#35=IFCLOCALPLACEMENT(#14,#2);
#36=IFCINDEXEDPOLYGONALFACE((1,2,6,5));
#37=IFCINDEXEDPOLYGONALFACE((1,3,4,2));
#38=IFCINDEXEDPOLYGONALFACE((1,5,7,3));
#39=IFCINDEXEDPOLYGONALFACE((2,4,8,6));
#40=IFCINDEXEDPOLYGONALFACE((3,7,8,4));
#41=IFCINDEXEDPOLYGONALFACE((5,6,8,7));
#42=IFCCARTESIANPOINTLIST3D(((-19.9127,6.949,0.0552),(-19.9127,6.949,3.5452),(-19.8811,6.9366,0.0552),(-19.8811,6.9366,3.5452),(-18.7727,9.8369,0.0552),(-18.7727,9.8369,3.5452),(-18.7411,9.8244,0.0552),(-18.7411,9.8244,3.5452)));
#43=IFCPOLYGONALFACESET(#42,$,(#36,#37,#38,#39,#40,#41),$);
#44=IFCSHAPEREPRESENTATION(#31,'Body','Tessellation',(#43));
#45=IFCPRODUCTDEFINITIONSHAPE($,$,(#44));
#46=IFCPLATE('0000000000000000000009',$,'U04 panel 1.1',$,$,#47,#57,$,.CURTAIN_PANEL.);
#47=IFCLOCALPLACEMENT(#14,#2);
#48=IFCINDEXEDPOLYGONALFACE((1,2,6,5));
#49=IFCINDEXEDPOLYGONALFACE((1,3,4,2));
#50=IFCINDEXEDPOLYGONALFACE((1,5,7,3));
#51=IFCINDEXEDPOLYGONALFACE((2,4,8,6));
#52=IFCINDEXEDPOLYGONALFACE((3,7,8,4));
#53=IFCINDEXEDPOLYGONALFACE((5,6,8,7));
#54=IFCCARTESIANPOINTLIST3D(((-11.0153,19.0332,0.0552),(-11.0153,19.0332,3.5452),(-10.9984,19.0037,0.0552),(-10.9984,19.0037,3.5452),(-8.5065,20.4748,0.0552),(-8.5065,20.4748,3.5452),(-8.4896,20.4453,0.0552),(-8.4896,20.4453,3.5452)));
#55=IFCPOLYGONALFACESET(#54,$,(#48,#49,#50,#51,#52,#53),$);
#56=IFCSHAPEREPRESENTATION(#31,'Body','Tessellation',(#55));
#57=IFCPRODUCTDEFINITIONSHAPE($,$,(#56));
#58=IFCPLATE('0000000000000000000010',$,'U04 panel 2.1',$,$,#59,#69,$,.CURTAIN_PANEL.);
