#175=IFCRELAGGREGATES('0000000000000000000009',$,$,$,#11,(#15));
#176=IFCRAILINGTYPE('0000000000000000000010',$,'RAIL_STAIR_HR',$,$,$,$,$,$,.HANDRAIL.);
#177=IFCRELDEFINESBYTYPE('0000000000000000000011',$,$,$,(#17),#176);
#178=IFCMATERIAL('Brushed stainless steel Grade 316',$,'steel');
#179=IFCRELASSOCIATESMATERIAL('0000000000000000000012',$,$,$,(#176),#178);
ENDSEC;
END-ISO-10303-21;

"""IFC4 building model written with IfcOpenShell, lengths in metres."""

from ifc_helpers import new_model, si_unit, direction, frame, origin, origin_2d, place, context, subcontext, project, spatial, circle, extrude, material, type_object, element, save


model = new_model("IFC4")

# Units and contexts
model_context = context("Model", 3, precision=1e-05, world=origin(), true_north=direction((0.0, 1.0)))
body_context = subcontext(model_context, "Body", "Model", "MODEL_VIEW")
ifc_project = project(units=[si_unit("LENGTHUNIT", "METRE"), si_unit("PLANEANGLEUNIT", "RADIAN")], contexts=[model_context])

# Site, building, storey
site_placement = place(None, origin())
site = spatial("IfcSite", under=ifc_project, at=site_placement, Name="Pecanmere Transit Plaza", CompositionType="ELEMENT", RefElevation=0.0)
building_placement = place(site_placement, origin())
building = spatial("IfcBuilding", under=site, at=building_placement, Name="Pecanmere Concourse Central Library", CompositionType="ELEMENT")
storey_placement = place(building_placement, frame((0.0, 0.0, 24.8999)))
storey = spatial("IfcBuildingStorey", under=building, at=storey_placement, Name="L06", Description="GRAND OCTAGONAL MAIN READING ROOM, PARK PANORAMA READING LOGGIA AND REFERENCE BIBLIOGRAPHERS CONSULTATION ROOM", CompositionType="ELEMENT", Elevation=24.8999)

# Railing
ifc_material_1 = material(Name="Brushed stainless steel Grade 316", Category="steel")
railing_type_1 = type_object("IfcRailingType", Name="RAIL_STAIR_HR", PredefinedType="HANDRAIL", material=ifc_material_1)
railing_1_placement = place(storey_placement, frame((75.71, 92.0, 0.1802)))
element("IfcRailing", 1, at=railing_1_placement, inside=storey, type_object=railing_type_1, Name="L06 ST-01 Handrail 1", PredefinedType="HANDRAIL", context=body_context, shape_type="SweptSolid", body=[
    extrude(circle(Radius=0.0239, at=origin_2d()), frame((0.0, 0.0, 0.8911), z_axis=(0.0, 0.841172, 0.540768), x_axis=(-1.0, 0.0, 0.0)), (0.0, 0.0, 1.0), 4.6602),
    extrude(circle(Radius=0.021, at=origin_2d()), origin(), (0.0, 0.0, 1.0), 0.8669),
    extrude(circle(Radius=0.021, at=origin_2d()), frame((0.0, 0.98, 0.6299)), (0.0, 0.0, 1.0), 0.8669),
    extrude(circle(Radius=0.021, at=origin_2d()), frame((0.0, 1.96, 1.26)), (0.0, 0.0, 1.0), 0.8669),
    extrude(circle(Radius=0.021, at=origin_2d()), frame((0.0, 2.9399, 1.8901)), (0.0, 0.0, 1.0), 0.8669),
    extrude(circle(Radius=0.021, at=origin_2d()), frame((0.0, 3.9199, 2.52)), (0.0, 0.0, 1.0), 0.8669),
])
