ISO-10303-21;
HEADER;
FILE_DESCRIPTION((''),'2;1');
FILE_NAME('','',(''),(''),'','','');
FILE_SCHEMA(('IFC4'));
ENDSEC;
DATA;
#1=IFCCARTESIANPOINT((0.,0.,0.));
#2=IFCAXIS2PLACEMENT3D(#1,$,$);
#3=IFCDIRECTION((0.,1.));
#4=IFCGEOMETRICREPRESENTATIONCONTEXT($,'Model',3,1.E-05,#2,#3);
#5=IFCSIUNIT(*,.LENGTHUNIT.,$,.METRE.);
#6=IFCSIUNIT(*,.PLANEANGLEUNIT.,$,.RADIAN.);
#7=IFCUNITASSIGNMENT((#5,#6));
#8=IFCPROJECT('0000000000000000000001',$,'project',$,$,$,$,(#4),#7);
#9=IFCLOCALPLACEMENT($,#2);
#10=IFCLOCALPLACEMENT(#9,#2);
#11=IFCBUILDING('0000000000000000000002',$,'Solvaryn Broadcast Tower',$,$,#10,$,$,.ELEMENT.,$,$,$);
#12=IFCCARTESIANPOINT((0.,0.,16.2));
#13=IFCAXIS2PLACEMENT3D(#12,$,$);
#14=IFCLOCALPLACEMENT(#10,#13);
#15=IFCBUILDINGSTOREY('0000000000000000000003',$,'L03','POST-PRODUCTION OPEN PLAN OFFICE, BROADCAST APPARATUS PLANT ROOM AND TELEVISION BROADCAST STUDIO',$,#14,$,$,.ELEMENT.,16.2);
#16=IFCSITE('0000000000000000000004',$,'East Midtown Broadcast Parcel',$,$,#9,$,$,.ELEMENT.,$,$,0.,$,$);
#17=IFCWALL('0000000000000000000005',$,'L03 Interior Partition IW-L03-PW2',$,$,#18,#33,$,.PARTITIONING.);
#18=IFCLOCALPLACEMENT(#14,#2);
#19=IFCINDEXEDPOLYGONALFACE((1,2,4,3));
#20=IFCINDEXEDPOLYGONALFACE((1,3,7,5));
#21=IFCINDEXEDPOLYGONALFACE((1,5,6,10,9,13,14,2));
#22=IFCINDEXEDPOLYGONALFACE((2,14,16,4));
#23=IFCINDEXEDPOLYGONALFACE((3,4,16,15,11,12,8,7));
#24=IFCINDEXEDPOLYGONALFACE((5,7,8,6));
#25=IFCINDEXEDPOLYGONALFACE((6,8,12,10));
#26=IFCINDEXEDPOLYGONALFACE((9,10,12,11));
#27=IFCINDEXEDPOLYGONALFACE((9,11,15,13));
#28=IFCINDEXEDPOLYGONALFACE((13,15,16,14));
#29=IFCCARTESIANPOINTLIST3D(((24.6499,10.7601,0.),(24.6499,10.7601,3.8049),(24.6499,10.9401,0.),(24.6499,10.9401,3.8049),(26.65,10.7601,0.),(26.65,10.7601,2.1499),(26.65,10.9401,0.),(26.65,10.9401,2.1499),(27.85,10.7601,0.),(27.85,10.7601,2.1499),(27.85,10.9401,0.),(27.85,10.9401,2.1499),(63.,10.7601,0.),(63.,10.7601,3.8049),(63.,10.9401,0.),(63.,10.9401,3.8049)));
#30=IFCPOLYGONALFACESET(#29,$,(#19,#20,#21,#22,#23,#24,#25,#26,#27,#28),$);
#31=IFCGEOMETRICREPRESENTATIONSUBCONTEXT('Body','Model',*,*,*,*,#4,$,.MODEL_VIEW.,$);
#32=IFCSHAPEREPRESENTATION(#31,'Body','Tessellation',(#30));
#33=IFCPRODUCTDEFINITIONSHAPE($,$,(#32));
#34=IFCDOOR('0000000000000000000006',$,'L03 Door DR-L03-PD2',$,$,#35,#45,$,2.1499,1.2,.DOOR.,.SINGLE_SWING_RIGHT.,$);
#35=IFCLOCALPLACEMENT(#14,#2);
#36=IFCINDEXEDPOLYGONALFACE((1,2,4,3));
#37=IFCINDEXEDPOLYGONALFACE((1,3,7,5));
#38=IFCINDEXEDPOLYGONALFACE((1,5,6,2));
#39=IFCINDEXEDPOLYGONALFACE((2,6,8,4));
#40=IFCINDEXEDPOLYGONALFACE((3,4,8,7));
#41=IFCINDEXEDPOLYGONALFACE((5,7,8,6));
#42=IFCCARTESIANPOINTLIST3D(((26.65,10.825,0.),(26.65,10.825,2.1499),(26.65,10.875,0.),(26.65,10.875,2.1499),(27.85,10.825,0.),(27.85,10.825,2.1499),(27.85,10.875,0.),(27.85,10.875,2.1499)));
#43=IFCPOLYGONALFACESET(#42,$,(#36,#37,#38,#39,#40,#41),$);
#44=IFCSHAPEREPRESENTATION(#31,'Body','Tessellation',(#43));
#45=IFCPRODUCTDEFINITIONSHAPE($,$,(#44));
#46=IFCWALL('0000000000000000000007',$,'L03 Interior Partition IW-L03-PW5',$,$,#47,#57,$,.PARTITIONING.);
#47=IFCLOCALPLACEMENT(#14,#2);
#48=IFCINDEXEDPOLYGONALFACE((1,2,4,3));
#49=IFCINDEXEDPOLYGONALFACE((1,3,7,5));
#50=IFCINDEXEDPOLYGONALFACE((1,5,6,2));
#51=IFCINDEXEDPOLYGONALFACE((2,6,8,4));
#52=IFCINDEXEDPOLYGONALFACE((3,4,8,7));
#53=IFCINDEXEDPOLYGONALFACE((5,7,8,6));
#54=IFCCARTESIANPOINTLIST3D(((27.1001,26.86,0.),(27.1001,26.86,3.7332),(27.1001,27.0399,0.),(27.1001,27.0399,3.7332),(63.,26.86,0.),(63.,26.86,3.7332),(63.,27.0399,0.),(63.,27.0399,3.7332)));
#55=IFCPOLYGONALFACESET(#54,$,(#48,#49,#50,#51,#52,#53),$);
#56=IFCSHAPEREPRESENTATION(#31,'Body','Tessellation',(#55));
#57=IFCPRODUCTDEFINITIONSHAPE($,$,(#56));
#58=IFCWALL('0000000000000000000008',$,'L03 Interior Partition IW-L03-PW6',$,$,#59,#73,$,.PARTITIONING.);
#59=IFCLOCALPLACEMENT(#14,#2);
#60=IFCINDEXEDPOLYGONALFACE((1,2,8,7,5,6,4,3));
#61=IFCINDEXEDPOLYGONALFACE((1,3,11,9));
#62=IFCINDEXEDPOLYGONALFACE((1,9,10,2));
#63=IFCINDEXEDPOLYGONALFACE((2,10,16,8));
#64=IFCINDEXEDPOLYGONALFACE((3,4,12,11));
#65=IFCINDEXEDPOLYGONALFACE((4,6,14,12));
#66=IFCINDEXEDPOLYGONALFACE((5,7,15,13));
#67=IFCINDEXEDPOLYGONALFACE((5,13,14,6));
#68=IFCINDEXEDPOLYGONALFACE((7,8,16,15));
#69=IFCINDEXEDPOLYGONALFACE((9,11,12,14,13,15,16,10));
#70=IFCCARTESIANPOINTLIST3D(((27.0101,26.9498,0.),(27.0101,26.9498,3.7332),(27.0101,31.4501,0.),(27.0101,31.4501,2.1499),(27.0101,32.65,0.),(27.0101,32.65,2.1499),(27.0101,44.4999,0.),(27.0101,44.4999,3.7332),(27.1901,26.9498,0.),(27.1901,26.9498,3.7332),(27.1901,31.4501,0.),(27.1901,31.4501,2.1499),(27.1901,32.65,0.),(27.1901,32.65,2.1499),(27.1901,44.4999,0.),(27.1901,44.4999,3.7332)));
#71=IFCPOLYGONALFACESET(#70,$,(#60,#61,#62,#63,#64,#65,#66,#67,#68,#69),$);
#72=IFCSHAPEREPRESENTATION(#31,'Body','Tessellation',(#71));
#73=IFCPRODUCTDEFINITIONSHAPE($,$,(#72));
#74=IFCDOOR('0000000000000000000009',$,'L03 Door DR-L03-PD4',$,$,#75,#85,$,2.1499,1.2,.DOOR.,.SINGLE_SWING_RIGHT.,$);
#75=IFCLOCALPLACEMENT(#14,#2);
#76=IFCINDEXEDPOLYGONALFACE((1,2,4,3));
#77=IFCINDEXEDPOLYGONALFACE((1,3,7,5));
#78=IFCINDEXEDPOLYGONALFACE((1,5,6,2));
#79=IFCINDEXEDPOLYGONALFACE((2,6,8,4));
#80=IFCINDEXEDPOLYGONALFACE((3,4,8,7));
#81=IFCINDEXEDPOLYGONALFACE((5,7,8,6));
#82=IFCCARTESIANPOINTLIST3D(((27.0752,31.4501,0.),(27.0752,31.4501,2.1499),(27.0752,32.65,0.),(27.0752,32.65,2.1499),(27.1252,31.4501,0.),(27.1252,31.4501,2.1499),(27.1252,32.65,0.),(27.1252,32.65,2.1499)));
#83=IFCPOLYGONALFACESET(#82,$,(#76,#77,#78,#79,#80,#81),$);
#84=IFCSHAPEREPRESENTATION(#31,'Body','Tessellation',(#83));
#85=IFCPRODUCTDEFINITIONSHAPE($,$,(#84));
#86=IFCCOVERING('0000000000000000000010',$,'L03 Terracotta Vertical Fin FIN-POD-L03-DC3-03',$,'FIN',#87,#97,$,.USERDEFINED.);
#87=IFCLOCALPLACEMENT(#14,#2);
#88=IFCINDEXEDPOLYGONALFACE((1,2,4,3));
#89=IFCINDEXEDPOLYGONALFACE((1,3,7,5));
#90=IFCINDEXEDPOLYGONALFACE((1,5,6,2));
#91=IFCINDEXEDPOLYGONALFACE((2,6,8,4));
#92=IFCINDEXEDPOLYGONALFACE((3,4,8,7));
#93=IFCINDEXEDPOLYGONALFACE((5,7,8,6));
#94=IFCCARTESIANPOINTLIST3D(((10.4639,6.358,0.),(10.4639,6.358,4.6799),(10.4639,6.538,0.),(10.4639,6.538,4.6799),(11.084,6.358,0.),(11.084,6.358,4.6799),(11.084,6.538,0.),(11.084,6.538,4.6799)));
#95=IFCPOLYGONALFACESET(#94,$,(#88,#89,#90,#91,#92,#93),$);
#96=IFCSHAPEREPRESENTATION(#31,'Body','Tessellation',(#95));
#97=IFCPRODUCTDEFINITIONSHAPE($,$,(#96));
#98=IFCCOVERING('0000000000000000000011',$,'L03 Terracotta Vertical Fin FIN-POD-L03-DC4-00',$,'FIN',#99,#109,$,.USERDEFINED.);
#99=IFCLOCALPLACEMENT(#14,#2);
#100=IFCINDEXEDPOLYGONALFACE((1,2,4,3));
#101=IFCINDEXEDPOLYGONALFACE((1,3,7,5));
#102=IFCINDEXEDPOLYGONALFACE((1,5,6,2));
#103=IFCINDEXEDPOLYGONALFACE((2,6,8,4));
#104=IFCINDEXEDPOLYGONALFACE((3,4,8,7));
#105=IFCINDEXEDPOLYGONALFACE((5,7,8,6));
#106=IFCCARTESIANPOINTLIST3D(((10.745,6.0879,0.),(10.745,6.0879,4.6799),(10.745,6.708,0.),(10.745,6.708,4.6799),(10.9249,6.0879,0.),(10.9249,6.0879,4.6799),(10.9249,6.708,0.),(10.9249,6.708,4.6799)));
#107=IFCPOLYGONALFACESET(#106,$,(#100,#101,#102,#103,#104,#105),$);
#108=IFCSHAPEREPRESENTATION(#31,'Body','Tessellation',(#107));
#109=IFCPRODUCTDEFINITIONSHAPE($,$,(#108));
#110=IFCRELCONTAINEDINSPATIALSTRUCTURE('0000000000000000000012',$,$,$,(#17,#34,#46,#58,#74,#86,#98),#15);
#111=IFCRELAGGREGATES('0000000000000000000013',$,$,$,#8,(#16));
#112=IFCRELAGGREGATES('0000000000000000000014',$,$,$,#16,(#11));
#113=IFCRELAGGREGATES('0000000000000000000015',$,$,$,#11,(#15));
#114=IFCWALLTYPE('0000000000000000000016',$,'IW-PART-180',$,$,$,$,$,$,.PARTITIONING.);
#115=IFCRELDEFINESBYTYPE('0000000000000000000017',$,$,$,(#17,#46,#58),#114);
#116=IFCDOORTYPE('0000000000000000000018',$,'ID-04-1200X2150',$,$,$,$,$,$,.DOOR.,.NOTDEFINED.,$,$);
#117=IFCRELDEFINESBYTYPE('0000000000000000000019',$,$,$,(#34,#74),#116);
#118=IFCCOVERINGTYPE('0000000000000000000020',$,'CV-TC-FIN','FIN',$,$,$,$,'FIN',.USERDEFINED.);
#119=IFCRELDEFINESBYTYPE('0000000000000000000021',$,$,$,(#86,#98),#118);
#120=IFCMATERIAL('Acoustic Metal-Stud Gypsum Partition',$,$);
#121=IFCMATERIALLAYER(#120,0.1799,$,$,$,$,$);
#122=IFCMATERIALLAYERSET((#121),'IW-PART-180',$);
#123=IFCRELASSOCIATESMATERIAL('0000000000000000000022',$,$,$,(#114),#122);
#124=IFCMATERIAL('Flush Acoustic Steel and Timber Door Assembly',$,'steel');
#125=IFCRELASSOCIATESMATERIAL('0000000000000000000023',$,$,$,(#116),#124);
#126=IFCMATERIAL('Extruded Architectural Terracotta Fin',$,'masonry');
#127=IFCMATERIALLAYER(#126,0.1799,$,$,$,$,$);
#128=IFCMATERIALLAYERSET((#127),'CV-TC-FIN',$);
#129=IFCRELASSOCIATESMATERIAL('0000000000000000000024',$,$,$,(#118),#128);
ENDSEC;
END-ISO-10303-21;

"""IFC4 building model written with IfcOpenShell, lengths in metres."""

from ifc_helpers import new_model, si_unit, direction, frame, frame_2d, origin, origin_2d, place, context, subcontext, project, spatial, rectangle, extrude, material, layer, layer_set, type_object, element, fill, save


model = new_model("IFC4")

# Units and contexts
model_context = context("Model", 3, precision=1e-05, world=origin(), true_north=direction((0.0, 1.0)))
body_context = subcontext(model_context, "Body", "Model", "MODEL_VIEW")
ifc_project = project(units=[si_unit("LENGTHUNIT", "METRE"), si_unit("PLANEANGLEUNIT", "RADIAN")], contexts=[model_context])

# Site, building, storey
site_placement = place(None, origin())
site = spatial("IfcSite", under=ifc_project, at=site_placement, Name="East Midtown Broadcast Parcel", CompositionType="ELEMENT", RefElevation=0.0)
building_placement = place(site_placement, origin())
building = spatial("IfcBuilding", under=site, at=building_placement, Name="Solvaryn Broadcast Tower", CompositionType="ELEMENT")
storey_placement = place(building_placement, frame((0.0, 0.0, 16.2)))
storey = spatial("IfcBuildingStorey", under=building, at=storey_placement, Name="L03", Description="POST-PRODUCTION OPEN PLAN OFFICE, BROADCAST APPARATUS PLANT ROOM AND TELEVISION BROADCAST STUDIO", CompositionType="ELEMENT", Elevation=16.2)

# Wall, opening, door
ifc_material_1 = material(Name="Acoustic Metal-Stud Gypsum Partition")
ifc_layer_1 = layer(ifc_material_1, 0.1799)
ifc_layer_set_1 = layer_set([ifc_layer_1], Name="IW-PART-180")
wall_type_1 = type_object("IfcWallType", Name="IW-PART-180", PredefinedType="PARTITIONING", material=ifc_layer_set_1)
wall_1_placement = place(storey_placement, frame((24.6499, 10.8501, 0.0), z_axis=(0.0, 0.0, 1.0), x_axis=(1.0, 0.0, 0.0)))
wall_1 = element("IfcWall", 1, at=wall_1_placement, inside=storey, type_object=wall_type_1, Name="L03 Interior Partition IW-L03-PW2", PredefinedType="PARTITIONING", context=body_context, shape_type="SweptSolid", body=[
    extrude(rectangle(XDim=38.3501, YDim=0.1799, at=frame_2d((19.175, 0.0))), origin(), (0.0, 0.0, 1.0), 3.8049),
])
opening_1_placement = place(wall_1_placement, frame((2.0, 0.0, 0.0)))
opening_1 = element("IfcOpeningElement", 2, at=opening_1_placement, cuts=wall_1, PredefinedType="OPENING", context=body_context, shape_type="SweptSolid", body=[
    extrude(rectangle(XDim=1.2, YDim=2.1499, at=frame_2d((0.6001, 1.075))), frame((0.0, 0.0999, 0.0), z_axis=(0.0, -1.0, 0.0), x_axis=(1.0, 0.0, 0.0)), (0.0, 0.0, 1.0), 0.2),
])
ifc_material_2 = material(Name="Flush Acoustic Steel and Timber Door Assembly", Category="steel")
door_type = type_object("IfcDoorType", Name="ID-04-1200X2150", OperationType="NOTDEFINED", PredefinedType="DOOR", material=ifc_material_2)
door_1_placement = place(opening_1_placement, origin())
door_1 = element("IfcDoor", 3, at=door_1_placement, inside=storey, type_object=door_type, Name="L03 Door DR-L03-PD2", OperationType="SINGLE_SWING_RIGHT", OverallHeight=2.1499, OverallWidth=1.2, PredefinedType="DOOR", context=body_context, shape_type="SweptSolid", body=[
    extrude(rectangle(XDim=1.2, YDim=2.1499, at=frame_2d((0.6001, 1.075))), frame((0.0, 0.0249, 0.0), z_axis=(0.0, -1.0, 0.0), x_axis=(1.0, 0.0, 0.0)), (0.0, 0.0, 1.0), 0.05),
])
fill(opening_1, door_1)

________

- _YOUR INSTRUCTIONS_
Reproduce the lines above, beginning at the line with "#46=IFCWALL('0000000000000000000007',$,'L03 Interior Partition" and stopping after the line with "#61=IFCINDEXEDPOLYGONALFACE((1,3,11,9));", exactly as they are.

- _ANSWER TO THIS EXERCISE_
#46=IFCWALL('0000000000000000000007',$,'L03 Interior Partition IW-L03-PW5',$,$,#47,#57,$,.PARTITIONING.);
#47=IFCLOCALPLACEMENT(#14,#2);
#48=IFCINDEXEDPOLYGONALFACE((1,2,4,3));
#49=IFCINDEXEDPOLYGONALFACE((1,3,7,5));
#50=IFCINDEXEDPOLYGONALFACE((1,5,6,2));
#51=IFCINDEXEDPOLYGONALFACE((2,6,8,4));
#52=IFCINDEXEDPOLYGONALFACE((3,4,8,7));
#53=IFCINDEXEDPOLYGONALFACE((5,7,8,6));
#54=IFCCARTESIANPOINTLIST3D(((27.1001,26.86,0.),(27.1001,26.86,3.7332),(27.1001,27.0399,0.),(27.1001,27.0399,3.7332),(63.,26.86,0.),(63.,26.86,3.7332),(63.,27.0399,0.),(63.,27.0399,3.7332)));
#55=IFCPOLYGONALFACESET(#54,$,(#48,#49,#50,#51,#52,#53),$);
#56=IFCSHAPEREPRESENTATION(#31,'Body','Tessellation',(#55));
#57=IFCPRODUCTDEFINITIONSHAPE($,$,(#56));
#58=IFCWALL('0000000000000000000008',$,'L03 Interior Partition IW-L03-PW6',$,$,#59,#73,$,.PARTITIONING.);
#59=IFCLOCALPLACEMENT(#14,#2);
#60=IFCINDEXEDPOLYGONALFACE((1,2,8,7,5,6,4,3));
#61=IFCINDEXEDPOLYGONALFACE((1,3,11,9));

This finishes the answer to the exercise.